What is being asked:
Once you find the line with "#186=IFCMATERIAL('Asphalt road surfacing" in the data that follows, repeat it and every line after it exactly, through the line with "building model written".

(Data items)
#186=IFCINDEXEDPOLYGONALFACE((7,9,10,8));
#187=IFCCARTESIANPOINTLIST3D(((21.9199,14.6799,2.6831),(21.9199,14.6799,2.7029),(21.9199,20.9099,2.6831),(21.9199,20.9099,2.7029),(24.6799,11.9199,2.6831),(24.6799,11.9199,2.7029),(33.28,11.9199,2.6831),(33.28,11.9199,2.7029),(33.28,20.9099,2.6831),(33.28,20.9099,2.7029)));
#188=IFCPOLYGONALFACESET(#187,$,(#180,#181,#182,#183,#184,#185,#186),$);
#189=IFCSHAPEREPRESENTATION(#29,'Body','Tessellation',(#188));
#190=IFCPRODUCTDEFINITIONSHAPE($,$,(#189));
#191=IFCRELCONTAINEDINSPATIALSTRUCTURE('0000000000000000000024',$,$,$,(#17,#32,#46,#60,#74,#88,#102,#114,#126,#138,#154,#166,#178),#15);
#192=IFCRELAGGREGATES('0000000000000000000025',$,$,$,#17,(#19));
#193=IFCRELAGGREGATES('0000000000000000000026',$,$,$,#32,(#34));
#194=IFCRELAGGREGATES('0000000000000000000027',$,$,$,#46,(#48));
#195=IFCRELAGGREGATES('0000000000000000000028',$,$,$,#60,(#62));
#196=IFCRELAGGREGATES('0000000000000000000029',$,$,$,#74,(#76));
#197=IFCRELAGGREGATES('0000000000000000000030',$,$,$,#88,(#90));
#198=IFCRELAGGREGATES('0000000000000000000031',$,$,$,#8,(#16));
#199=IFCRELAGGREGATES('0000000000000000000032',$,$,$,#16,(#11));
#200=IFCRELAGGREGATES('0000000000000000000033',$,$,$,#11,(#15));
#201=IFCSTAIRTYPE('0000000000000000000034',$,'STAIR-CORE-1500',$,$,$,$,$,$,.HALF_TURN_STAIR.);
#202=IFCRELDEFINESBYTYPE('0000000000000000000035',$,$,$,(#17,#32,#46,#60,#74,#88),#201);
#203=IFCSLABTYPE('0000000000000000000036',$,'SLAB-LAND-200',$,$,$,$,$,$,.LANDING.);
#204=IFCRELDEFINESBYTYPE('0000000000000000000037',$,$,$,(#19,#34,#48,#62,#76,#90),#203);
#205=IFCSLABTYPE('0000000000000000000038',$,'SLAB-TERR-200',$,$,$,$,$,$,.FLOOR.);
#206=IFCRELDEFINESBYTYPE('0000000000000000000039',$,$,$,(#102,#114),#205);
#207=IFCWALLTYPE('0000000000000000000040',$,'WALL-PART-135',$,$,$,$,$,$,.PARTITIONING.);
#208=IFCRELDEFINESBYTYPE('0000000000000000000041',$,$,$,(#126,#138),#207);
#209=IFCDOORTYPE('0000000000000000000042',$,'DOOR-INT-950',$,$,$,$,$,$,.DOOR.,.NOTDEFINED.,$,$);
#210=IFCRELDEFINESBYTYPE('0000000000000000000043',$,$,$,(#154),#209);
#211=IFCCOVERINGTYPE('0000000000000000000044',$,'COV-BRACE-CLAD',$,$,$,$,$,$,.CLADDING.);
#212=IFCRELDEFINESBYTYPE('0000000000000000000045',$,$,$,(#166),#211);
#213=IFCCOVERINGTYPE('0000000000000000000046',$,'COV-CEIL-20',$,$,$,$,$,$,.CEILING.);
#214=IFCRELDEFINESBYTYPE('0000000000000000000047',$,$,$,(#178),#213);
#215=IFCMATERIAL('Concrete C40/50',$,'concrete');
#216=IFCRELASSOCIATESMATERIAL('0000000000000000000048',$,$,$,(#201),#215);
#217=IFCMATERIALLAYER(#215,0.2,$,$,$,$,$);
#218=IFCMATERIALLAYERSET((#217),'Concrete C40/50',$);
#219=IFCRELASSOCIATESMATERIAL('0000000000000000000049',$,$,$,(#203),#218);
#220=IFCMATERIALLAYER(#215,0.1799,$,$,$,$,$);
* * *
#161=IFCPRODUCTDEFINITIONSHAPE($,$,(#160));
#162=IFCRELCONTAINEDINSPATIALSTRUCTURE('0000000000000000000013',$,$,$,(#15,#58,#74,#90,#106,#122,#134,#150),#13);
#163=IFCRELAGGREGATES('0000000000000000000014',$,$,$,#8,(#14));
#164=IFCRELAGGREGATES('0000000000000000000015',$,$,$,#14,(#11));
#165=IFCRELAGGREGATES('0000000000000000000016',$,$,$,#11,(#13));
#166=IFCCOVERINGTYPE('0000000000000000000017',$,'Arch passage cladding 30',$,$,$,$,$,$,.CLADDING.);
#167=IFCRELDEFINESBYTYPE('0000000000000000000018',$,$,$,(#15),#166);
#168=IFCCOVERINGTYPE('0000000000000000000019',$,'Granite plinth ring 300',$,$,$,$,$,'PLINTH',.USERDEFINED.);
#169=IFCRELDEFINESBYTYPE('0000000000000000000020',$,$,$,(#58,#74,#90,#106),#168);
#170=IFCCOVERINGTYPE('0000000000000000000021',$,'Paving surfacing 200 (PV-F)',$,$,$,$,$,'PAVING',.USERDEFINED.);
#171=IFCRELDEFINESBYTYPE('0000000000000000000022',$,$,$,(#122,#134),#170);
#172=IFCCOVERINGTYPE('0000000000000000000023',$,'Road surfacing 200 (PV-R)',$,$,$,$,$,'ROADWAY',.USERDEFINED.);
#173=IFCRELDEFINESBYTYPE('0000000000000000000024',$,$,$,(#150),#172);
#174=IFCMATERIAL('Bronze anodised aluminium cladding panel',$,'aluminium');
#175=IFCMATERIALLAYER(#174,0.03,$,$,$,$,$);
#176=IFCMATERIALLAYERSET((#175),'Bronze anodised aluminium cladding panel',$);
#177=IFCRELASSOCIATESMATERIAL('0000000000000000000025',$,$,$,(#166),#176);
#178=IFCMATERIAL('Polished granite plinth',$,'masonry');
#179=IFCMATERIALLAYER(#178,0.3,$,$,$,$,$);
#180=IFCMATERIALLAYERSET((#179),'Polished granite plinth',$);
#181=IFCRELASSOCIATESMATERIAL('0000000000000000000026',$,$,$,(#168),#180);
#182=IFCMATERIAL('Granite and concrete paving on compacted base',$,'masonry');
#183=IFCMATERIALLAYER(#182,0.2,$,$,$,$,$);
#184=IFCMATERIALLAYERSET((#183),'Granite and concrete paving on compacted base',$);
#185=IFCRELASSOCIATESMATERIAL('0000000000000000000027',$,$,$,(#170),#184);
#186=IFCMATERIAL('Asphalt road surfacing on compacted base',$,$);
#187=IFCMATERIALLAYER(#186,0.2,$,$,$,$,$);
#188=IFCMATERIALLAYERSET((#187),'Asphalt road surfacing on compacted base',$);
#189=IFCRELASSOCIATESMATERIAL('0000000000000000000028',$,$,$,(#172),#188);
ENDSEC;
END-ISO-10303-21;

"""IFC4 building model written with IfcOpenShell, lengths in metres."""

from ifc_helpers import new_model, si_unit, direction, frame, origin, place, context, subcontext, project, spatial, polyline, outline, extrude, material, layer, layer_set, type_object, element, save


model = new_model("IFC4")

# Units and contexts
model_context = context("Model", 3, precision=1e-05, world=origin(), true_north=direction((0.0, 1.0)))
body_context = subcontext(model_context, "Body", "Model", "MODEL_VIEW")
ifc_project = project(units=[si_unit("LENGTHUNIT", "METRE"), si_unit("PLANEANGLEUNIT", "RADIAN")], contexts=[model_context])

Task response:
#186=IFCMATERIAL('Asphalt road surfacing on compacted base',$,$);
#187=IFCMATERIALLAYER(#186,0.2,$,$,$,$,$);
#188=IFCMATERIALLAYERSET((#187),'Asphalt road surfacing on compacted base',$);
#189=IFCRELASSOCIATESMATERIAL('0000000000000000000028',$,$,$,(#172),#188);
ENDSEC;
END-ISO-10303-21;

"""IFC4 building model written with IfcOpenShell, lengths in metres."""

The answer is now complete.